Action item: Reproduce, exactly, the lines of the material below from the line containing "#192=IFCSHAPEREPRESENTATION(#27,'Body','Tessellation',(#191));" through the line containing "#195=IFCRELAGGREGATES('0000000000000000000011',$,$,$,#8,(#16));", with both end lines included and nothing else.

Top of Dataset excerpts

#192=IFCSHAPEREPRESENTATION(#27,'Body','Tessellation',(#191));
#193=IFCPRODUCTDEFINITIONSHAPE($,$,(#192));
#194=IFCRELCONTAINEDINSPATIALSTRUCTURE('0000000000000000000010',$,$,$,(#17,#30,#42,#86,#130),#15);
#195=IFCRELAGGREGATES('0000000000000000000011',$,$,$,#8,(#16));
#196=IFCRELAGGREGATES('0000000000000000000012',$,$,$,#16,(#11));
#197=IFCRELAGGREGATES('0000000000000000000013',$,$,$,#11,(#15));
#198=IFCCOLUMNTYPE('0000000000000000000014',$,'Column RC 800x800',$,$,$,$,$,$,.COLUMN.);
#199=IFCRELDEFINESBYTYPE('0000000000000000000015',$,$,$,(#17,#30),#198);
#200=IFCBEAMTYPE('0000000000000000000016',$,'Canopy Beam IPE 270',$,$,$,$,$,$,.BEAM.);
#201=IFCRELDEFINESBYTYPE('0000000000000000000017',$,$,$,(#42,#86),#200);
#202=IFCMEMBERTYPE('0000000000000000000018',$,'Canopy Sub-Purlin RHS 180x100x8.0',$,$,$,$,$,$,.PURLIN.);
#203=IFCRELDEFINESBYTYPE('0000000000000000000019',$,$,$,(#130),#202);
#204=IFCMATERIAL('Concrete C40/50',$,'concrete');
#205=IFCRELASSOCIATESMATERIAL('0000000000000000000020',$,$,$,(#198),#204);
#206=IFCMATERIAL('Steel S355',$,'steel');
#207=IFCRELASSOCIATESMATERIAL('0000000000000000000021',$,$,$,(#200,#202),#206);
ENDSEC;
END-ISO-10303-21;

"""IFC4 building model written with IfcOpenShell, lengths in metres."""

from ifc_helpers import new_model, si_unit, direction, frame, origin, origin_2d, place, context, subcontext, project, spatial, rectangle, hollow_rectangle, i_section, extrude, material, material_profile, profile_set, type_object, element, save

Bottom of Dataset excerpts
Top of Dataset excerpts

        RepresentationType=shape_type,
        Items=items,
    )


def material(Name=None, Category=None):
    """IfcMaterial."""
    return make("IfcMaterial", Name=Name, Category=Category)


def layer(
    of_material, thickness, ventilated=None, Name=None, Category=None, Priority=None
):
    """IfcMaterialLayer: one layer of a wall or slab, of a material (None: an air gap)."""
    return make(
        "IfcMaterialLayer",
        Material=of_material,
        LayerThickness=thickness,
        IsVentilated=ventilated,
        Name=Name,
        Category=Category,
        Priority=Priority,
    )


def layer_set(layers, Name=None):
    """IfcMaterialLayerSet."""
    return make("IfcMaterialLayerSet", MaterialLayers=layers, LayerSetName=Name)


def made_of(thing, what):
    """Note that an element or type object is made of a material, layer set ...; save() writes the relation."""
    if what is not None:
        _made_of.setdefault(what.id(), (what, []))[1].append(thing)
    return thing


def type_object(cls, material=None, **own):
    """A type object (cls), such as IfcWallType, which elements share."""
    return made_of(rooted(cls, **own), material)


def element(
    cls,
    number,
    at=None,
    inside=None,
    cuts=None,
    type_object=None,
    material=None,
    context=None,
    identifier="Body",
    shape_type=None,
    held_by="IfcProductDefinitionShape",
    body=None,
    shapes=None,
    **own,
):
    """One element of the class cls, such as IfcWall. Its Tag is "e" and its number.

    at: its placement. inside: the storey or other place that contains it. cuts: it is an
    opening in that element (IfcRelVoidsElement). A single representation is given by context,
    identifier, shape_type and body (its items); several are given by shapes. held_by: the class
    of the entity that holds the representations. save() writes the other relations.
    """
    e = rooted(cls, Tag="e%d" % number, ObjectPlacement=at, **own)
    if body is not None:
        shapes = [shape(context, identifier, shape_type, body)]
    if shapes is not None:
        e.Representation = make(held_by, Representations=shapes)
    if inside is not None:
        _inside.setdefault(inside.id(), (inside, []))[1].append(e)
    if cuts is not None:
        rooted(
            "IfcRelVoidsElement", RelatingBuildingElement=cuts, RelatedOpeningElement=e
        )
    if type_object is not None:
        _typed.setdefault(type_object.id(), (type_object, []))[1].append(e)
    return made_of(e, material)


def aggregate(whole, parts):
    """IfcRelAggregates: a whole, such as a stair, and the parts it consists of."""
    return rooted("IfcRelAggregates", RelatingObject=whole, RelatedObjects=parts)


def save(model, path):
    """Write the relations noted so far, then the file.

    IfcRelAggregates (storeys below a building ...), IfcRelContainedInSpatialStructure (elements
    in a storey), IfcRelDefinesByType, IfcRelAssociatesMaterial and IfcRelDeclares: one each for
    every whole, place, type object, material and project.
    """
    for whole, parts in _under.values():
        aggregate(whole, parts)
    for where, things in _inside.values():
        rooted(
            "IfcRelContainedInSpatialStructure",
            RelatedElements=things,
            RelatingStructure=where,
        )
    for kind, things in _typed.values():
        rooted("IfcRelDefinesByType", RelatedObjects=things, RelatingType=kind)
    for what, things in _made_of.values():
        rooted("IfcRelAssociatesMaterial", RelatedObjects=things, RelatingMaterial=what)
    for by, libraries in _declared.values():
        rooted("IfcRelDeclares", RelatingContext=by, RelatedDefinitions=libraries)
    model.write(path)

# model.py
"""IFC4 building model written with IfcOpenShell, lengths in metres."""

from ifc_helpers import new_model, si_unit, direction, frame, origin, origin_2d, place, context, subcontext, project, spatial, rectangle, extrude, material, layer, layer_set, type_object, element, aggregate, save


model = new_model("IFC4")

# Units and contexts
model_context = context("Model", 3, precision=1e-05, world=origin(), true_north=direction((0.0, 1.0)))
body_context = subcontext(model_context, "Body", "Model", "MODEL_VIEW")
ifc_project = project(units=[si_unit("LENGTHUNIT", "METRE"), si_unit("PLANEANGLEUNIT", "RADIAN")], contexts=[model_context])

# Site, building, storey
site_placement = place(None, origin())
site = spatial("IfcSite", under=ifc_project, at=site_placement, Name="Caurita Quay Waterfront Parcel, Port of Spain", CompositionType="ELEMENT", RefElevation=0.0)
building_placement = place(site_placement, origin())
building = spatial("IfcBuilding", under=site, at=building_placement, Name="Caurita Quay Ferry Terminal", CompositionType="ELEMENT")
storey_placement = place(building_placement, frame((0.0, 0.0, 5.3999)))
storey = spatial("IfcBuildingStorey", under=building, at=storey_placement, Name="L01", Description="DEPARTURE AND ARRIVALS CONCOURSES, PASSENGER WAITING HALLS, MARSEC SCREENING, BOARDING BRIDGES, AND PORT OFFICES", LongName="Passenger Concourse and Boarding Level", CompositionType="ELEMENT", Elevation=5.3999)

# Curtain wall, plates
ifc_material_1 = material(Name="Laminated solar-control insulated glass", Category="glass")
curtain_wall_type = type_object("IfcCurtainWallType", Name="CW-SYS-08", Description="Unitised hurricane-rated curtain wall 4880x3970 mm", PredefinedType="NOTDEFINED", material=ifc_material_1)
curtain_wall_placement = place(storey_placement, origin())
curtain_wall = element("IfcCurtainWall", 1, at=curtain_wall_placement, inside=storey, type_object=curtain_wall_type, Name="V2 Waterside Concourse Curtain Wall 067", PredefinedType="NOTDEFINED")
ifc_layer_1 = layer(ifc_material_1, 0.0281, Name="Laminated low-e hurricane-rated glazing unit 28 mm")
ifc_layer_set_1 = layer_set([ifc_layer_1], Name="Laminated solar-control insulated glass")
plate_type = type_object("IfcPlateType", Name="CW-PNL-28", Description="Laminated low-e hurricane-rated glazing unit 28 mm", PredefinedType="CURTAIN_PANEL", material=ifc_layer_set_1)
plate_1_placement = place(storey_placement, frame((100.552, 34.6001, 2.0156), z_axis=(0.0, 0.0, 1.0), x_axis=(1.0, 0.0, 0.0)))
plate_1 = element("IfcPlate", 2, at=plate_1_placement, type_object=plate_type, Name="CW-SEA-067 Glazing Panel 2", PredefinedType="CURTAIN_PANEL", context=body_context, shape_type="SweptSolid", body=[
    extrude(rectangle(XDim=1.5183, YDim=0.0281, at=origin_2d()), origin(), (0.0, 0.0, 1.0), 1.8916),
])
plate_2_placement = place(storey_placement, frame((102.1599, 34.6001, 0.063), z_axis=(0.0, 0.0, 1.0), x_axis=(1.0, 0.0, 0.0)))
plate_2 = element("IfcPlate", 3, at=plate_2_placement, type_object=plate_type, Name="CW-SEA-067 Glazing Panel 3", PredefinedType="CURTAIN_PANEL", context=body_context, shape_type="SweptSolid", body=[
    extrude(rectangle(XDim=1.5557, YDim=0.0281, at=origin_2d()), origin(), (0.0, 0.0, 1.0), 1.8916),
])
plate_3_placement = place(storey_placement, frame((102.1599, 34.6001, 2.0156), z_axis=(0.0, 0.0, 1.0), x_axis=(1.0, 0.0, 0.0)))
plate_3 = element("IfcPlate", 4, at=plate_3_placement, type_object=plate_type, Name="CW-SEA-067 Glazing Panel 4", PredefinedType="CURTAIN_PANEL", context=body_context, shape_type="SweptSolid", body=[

Bottom of Dataset excerpts

Task result:
#192=IFCSHAPEREPRESENTATION(#27,'Body','Tessellation',(#191));
#193=IFCPRODUCTDEFINITIONSHAPE($,$,(#192));
#194=IFCRELCONTAINEDINSPATIALSTRUCTURE('0000000000000000000010',$,$,$,(#17,#30,#42,#86,#130),#15);
#195=IFCRELAGGREGATES('0000000000000000000011',$,$,$,#8,(#16));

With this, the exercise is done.